◆ Collected data entries ◆
--------------------
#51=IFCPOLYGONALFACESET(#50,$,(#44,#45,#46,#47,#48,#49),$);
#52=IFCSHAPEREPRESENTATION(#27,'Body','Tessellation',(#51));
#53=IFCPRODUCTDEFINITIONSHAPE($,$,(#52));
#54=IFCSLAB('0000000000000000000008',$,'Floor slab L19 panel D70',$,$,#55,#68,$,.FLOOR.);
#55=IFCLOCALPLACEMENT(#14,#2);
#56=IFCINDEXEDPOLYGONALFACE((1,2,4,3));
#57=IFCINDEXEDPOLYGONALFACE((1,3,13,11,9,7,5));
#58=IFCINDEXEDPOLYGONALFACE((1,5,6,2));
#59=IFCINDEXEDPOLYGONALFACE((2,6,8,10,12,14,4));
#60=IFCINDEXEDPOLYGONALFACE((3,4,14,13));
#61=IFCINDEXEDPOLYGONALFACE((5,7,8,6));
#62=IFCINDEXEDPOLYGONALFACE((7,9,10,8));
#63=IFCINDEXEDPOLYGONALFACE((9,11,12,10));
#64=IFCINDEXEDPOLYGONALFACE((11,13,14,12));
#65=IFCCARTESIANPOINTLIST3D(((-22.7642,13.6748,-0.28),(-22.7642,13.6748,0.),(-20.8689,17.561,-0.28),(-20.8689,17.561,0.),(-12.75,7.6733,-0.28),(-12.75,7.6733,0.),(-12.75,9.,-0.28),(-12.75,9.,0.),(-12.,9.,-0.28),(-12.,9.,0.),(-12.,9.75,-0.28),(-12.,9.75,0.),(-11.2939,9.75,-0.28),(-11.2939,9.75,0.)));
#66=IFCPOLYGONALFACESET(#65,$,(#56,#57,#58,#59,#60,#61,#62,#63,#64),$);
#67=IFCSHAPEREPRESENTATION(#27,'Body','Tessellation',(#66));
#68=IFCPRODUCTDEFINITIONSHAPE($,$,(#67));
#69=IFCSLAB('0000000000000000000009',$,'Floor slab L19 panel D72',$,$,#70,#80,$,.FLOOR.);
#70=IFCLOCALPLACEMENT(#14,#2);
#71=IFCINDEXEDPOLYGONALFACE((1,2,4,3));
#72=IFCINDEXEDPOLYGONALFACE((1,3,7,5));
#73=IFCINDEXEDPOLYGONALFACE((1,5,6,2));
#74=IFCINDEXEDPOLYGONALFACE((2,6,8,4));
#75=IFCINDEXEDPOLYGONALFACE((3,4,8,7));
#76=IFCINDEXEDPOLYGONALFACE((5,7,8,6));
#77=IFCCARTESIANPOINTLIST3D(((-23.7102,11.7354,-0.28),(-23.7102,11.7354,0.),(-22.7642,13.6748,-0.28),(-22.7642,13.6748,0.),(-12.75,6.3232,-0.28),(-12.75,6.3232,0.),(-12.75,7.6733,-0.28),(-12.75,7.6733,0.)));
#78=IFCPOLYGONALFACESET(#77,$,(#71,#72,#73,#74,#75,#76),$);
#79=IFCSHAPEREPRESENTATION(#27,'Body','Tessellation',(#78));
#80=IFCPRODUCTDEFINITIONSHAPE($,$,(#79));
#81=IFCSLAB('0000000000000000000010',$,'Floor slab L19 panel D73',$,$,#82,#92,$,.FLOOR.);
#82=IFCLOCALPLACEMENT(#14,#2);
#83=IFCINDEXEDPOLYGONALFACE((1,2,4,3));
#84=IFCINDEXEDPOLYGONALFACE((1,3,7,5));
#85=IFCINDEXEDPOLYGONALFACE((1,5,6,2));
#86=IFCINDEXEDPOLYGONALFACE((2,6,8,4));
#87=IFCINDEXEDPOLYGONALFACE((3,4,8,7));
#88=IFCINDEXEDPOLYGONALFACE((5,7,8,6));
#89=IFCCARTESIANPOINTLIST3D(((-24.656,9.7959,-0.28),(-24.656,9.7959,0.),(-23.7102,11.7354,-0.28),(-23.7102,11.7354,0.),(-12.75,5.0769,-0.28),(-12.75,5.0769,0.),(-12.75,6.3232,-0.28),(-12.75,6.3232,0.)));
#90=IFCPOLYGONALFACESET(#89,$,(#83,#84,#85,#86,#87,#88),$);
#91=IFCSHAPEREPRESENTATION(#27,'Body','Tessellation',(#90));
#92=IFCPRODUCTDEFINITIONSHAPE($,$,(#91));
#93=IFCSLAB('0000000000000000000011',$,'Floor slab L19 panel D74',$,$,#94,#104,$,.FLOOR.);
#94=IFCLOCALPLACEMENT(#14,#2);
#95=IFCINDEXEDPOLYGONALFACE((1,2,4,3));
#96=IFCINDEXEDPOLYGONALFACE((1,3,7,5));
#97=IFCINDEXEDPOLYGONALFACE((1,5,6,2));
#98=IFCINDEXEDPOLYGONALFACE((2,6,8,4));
--------------------
◆ Work request ◆
Word for word, restate the lines of the data above that fall between the line holding "#81=IFCSLAB('0000000000000000000010',$,'Floor slab L19" and the line holding "#97=IFCINDEXEDPOLYGONALFACE((1,5,6,2));", inclusive, and no other lines.

◆ Written reply ◆
#81=IFCSLAB('0000000000000000000010',$,'Floor slab L19 panel D73',$,$,#82,#92,$,.FLOOR.);
#82=IFCLOCALPLACEMENT(#14,#2);
#83=IFCINDEXEDPOLYGONALFACE((1,2,4,3));
#84=IFCINDEXEDPOLYGONALFACE((1,3,7,5));
#85=IFCINDEXEDPOLYGONALFACE((1,5,6,2));
#86=IFCINDEXEDPOLYGONALFACE((2,6,8,4));
#87=IFCINDEXEDPOLYGONALFACE((3,4,8,7));
#88=IFCINDEXEDPOLYGONALFACE((5,7,8,6));
#89=IFCCARTESIANPOINTLIST3D(((-24.656,9.7959,-0.28),(-24.656,9.7959,0.),(-23.7102,11.7354,-0.28),(-23.7102,11.7354,0.),(-12.75,5.0769,-0.28),(-12.75,5.0769,0.),(-12.75,6.3232,-0.28),(-12.75,6.3232,0.)));
#90=IFCPOLYGONALFACESET(#89,$,(#83,#84,#85,#86,#87,#88),$);
#91=IFCSHAPEREPRESENTATION(#27,'Body','Tessellation',(#90));
#92=IFCPRODUCTDEFINITIONSHAPE($,$,(#91));
#93=IFCSLAB('0000000000000000000011',$,'Floor slab L19 panel D74',$,$,#94,#104,$,.FLOOR.);
#94=IFCLOCALPLACEMENT(#14,#2);
#95=IFCINDEXEDPOLYGONALFACE((1,2,4,3));
#96=IFCINDEXEDPOLYGONALFACE((1,3,7,5));
#97=IFCINDEXEDPOLYGONALFACE((1,5,6,2));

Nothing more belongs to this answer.